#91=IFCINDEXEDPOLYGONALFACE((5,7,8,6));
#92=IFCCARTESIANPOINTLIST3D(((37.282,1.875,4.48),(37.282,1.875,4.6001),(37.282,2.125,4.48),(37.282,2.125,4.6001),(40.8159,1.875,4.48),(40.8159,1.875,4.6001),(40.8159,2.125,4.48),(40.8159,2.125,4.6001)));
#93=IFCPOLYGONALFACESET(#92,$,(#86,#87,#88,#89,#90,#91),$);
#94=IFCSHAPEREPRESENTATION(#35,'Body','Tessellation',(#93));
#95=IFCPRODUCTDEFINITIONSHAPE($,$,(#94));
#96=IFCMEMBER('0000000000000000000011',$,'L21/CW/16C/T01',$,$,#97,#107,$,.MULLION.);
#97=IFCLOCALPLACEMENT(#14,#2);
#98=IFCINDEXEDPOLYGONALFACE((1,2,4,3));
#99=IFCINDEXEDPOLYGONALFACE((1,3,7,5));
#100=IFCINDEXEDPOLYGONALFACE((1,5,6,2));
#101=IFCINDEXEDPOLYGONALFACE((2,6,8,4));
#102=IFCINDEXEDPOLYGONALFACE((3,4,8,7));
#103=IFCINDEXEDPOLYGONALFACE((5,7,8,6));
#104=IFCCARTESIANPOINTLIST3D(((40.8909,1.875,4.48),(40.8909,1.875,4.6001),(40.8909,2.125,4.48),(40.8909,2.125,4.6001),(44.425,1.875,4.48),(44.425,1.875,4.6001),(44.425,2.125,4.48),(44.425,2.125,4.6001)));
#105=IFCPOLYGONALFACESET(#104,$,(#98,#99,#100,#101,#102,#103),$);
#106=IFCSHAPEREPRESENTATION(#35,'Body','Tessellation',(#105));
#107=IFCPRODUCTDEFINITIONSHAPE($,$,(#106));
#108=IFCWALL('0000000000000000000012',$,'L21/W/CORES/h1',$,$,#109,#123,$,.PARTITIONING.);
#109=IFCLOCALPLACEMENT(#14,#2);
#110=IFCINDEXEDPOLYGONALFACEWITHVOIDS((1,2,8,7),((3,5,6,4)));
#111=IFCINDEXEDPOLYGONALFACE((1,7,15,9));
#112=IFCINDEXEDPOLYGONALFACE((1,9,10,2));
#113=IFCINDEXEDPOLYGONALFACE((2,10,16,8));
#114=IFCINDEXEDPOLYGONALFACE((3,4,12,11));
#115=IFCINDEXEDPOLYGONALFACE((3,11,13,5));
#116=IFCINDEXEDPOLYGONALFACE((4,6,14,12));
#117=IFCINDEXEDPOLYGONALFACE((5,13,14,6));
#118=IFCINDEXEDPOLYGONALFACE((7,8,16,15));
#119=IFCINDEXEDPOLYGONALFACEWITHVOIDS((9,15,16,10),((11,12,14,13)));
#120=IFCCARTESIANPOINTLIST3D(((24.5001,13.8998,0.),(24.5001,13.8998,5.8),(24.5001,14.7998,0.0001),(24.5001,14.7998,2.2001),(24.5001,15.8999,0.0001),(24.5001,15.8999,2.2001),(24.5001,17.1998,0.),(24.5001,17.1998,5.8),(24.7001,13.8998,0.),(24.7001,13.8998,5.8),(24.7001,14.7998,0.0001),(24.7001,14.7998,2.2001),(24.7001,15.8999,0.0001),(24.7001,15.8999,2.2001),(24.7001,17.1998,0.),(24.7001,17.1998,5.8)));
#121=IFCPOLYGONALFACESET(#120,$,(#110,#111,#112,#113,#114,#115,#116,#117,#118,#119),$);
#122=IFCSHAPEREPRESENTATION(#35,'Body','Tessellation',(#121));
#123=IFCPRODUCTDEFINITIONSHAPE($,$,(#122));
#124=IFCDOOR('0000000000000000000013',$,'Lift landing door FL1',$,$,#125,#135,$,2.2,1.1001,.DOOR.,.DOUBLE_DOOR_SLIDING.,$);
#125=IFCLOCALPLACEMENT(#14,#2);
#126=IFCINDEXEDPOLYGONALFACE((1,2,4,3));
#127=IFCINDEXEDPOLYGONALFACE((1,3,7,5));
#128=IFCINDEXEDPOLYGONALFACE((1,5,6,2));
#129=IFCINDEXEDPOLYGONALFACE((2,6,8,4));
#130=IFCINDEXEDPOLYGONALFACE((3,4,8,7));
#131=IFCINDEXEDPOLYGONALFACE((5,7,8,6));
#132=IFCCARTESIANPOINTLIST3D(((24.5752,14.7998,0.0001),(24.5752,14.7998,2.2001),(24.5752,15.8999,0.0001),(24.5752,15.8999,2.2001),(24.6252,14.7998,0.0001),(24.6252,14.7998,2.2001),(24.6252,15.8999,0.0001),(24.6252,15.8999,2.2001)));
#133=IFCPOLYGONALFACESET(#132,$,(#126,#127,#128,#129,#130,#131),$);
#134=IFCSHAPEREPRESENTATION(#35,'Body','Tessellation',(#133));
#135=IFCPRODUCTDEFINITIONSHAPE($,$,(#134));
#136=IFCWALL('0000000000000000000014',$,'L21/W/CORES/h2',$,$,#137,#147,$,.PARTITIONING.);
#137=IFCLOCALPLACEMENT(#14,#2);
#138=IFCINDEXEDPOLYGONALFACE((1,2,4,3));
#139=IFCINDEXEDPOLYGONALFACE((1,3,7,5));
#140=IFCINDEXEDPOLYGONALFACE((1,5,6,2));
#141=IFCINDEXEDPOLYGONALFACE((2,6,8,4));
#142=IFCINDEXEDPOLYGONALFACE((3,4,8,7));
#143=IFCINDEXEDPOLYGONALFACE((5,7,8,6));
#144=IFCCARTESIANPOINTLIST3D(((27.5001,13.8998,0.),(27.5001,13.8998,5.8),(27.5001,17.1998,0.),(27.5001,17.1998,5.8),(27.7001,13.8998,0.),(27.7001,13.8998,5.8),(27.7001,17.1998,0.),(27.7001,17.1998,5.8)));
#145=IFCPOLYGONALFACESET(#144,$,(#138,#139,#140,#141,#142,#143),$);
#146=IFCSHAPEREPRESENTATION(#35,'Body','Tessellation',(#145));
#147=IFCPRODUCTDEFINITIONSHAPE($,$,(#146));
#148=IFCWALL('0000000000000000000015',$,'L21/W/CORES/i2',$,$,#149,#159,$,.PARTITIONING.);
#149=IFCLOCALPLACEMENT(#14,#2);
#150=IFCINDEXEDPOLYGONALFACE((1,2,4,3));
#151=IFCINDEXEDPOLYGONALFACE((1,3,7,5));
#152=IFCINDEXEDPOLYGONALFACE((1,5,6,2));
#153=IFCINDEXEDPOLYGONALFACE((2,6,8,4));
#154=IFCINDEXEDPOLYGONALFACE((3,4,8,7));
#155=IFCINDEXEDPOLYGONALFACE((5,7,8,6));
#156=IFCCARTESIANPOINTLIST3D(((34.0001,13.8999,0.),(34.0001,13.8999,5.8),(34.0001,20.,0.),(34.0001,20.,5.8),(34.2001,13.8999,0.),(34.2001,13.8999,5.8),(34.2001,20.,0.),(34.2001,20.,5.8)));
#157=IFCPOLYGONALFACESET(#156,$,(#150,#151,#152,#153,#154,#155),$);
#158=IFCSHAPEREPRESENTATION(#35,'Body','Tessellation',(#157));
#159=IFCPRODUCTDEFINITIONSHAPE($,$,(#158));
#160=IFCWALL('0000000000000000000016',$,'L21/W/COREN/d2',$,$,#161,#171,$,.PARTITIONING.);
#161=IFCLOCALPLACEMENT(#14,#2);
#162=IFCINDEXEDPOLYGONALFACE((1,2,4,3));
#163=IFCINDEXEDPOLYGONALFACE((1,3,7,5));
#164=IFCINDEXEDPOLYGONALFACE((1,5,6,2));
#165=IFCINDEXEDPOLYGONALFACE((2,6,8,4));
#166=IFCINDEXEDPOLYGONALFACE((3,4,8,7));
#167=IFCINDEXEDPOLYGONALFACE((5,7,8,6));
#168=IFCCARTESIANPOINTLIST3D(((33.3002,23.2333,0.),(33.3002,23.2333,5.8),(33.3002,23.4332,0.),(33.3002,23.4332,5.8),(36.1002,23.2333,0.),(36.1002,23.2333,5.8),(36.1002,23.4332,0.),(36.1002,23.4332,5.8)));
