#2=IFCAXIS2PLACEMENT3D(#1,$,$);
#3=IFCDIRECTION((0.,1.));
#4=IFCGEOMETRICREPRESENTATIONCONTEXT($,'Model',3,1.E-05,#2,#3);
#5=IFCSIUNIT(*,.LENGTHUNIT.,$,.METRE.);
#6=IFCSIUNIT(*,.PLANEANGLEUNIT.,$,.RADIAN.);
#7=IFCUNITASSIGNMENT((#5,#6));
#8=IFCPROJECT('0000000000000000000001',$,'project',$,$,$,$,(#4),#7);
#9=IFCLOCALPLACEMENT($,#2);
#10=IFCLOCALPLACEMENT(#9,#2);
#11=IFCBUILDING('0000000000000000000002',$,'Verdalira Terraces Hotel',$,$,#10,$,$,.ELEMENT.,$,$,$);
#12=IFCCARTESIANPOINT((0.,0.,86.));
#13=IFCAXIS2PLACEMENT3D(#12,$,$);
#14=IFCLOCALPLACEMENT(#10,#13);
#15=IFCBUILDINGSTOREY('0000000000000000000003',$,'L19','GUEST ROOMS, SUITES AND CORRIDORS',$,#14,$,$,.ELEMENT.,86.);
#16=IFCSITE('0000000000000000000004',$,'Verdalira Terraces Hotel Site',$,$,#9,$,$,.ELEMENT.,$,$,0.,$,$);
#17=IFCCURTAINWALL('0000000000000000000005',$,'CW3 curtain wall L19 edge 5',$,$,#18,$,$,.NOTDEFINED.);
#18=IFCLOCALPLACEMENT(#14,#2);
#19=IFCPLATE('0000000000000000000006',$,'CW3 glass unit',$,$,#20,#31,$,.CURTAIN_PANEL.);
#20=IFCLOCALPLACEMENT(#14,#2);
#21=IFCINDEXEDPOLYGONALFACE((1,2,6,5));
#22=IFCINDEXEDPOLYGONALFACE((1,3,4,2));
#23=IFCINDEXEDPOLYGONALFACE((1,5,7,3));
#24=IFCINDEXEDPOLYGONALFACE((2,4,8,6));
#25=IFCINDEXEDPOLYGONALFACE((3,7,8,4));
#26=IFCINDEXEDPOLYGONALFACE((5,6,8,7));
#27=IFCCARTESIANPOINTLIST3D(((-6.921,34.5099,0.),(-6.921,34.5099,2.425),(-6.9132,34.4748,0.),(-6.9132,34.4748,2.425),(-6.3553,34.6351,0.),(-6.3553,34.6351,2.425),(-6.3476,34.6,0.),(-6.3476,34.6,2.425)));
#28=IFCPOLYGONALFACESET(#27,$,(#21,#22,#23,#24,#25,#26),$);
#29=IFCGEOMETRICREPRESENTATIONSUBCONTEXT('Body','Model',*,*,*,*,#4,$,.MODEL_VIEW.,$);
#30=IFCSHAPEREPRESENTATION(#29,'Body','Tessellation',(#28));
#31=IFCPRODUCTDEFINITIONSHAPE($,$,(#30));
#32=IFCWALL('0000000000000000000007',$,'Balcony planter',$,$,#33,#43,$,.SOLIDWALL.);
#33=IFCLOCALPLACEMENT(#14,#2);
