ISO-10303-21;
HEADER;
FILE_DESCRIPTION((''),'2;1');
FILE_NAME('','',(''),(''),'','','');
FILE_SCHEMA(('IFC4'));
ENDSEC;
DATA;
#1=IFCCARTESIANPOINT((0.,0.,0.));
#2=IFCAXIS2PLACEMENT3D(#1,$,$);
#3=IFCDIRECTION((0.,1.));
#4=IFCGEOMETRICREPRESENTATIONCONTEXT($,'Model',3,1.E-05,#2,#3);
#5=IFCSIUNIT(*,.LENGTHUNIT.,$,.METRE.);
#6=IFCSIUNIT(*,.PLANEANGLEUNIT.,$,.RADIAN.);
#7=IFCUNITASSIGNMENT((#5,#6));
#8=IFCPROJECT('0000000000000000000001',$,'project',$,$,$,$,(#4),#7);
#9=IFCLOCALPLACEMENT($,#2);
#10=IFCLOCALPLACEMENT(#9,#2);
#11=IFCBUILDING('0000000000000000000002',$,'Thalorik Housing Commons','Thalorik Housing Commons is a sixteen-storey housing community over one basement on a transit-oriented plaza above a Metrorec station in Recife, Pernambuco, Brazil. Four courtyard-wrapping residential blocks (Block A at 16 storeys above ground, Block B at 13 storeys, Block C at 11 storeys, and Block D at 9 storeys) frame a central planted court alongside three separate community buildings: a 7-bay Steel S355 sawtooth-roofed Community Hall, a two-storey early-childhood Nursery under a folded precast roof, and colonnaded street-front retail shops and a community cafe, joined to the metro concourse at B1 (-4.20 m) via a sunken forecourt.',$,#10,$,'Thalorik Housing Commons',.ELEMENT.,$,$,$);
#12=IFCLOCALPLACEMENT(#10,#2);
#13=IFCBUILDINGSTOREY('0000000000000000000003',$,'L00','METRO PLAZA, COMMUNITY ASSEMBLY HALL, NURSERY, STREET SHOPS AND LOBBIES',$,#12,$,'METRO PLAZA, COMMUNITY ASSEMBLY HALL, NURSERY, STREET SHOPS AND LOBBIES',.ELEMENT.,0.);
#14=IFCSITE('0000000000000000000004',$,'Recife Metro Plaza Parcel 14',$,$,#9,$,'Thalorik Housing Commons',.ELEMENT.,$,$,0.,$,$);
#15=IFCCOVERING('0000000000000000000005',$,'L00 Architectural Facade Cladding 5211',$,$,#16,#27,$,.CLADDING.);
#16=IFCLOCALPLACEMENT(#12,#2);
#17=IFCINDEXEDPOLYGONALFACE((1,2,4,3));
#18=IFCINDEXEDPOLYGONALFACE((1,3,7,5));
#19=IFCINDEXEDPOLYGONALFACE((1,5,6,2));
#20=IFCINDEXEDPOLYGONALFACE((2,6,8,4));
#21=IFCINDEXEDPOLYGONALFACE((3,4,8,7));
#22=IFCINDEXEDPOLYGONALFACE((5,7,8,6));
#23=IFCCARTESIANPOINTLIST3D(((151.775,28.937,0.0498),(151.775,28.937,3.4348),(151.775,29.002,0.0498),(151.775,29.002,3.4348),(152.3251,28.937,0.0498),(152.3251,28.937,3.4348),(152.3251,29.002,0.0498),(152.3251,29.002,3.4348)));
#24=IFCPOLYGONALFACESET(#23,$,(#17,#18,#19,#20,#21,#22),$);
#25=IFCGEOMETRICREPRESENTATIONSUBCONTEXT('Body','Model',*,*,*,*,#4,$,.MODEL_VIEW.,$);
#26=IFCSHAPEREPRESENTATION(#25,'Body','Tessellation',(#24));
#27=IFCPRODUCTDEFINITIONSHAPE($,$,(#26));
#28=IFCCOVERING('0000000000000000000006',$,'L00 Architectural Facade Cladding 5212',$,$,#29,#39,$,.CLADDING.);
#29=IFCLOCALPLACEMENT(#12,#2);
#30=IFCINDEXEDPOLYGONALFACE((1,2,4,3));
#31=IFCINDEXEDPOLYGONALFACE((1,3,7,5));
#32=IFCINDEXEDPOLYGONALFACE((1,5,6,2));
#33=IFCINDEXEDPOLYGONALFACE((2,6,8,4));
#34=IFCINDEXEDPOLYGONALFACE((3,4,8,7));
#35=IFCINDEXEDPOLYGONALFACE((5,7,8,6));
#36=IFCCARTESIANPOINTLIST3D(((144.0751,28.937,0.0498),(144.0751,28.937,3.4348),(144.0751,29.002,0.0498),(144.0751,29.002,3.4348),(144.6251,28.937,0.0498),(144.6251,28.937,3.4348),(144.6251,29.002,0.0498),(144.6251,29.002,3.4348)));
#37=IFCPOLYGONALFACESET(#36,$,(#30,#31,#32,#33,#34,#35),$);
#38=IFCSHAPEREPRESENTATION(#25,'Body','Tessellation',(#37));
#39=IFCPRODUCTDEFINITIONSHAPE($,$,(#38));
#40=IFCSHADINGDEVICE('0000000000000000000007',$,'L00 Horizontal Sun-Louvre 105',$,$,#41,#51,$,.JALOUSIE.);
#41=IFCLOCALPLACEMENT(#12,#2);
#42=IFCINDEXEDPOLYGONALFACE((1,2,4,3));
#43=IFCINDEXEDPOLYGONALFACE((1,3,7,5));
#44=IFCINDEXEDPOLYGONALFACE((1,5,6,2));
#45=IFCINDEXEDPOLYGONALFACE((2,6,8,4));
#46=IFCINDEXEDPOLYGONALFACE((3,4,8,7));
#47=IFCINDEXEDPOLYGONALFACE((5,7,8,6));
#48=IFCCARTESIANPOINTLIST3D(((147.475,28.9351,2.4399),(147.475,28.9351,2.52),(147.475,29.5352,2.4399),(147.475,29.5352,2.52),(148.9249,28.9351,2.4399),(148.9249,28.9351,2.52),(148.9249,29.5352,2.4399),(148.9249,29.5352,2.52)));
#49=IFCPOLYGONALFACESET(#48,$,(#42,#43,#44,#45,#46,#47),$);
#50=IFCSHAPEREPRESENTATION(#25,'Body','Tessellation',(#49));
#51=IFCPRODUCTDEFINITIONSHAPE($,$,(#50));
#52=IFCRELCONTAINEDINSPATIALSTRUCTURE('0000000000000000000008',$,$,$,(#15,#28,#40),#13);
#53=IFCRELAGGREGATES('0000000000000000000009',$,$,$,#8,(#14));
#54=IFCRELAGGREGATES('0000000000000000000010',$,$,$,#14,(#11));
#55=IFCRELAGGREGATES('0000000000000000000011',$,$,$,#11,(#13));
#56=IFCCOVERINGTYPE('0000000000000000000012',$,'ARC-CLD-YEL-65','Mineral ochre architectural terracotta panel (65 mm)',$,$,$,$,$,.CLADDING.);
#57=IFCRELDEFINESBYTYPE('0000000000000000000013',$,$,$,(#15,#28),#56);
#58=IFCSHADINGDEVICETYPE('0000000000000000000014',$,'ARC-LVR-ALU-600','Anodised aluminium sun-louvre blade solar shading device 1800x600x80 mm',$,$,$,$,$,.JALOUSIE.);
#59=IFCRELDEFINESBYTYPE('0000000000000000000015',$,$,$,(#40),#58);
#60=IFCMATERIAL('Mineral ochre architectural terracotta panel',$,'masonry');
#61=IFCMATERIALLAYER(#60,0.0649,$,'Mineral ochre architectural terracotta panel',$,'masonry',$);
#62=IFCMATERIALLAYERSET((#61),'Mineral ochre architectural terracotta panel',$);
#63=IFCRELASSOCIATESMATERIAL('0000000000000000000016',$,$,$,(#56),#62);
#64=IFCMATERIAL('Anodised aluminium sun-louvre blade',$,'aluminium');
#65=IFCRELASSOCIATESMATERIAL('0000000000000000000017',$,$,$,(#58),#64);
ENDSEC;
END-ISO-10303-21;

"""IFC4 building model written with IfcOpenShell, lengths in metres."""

from ifc_helpers import new_model, si_unit, direction, frame, origin, origin_2d, place, context, subcontext, project, spatial, rectangle, extrude, material, layer, layer_set, type_object, element, save


model = new_model("IFC4")

# Units and contexts
model_context = context("Model", 3, precision=1e-05, world=origin(), true_north=direction((0.0, 1.0)))
body_context = subcontext(model_context, "Body", "Model", "MODEL_VIEW")
ifc_project = project(units=[si_unit("LENGTHUNIT", "METRE"), si_unit("PLANEANGLEUNIT", "RADIAN")], contexts=[model_context])

# Site, building, storey
site_placement = place(None, origin())
site = spatial("IfcSite", under=ifc_project, at=site_placement, Name="Recife Metro Plaza Parcel 14", LongName="Thalorik Housing Commons", CompositionType="ELEMENT", RefElevation=0.0)
building_placement = place(site_placement, origin())
building = spatial("IfcBuilding", under=site, at=building_placement, Name="Thalorik Housing Commons", Description="Thalorik Housing Commons is a sixteen-storey housing community over one basement on a transit-oriented plaza above a Metrorec station in Recife, Pernambuco, Brazil. Four courtyard-wrapping residential blocks (Block A at 16 storeys above ground, Block B at 13 storeys, Block C at 11 storeys, and Block D at 9 storeys) frame a central planted court alongside three separate community buildings: a 7-bay Steel S355 sawtooth-roofed Community Hall, a two-storey early-childhood Nursery under a folded precast roof, and colonnaded street-front retail shops and a community cafe, joined to the metro concourse at B1 (-4.20 m) via a sunken forecourt.", LongName="Thalorik Housing Commons", CompositionType="ELEMENT")
storey_placement = place(building_placement, origin())
storey = spatial("IfcBuildingStorey", under=building, at=storey_placement, Name="L00", Description="METRO PLAZA, COMMUNITY ASSEMBLY HALL, NURSERY, STREET SHOPS AND LOBBIES", LongName="METRO PLAZA, COMMUNITY ASSEMBLY HALL, NURSERY, STREET SHOPS AND LOBBIES", CompositionType="ELEMENT", Elevation=0.0)

# Coverings
ifc_material_1 = material(Name="Mineral ochre architectural terracotta panel", Category="masonry")
ifc_layer_1 = layer(ifc_material_1, 0.0649, Name="Mineral ochre architectural terracotta panel", Category="masonry")
ifc_layer_set_1 = layer_set([ifc_layer_1], Name="Mineral ochre architectural terracotta panel")
covering_type = type_object("IfcCoveringType", Name="ARC-CLD-YEL-65", Description="Mineral ochre architectural terracotta panel (65 mm)", PredefinedType="CLADDING", material=ifc_layer_set_1)
for number, where, z_axis, x_axis, name in (
    (1, (152.05, 28.9695, 0.0498), (0.0, 0.0, 1.0), (-1.0, 0.0, 0.0), "L00 Architectural Facade Cladding 5211"),
    (2, (144.3501, 28.9695, 0.0498), (0.0, 0.0, 1.0), (-1.0, 0.0, 0.0), "L00 Architectural Facade Cladding 5212"),
):
    element("IfcCovering", number, at=place(storey_placement, frame(where, z_axis=z_axis, x_axis=x_axis)), inside=storey, type_object=covering_type, Name=name, PredefinedType="CLADDING", context=body_context, shape_type="SweptSolid", body=[
        extrude(rectangle(XDim=0.55, YDim=0.0649, at=origin_2d()), origin(), (0.0, 0.0, 1.0), 3.385),
    ])

# Shading device
ifc_material_2 = material(Name="Anodised aluminium sun-louvre blade", Category="aluminium")
shading_device_type = type_object("IfcShadingDeviceType", Name="ARC-LVR-ALU-600", Description="Anodised aluminium sun-louvre blade solar shading device 1800x600x80 mm", PredefinedType="JALOUSIE", material=ifc_material_2)
shading_device_placement = place(storey_placement, frame((148.2, 29.2351, 2.4399), z_axis=(0.0, 0.0, 1.0), x_axis=(-1.0, 0.0, 0.0)))
element("IfcShadingDevice", 3, at=shading_device_placement, inside=storey, type_object=shading_device_type, Name="L00 Horizontal Sun-Louvre 105", PredefinedType="JALOUSIE", context=body_context, shape_type="SweptSolid", body=[
    extrude(rectangle(XDim=1.45, YDim=0.6001, at=origin_2d()), origin(), (0.0, 0.0, 1.0), 0.0801),
])

save(model, "model.ifc")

**What the task asks:** The answer must hold exactly the lines of the entries above, from the first line through the line that contains "#99=IFCINDEXEDPOLYGONALFACE((1,3,7,5));", and no others.

**Answer for the task:**
#91=IFCINDEXEDPOLYGONALFACE((5,7,8,6));
#92=IFCCARTESIANPOINTLIST3D(((37.282,1.875,4.48),(37.282,1.875,4.6001),(37.282,2.125,4.48),(37.282,2.125,4.6001),(40.8159,1.875,4.48),(40.8159,1.875,4.6001),(40.8159,2.125,4.48),(40.8159,2.125,4.6001)));
#93=IFCPOLYGONALFACESET(#92,$,(#86,#87,#88,#89,#90,#91),$);
#94=IFCSHAPEREPRESENTATION(#35,'Body','Tessellation',(#93));
#95=IFCPRODUCTDEFINITIONSHAPE($,$,(#94));
#96=IFCMEMBER('0000000000000000000011',$,'L21/CW/16C/T01',$,$,#97,#107,$,.MULLION.);
#97=IFCLOCALPLACEMENT(#14,#2);
#98=IFCINDEXEDPOLYGONALFACE((1,2,4,3));
#99=IFCINDEXEDPOLYGONALFACE((1,3,7,5));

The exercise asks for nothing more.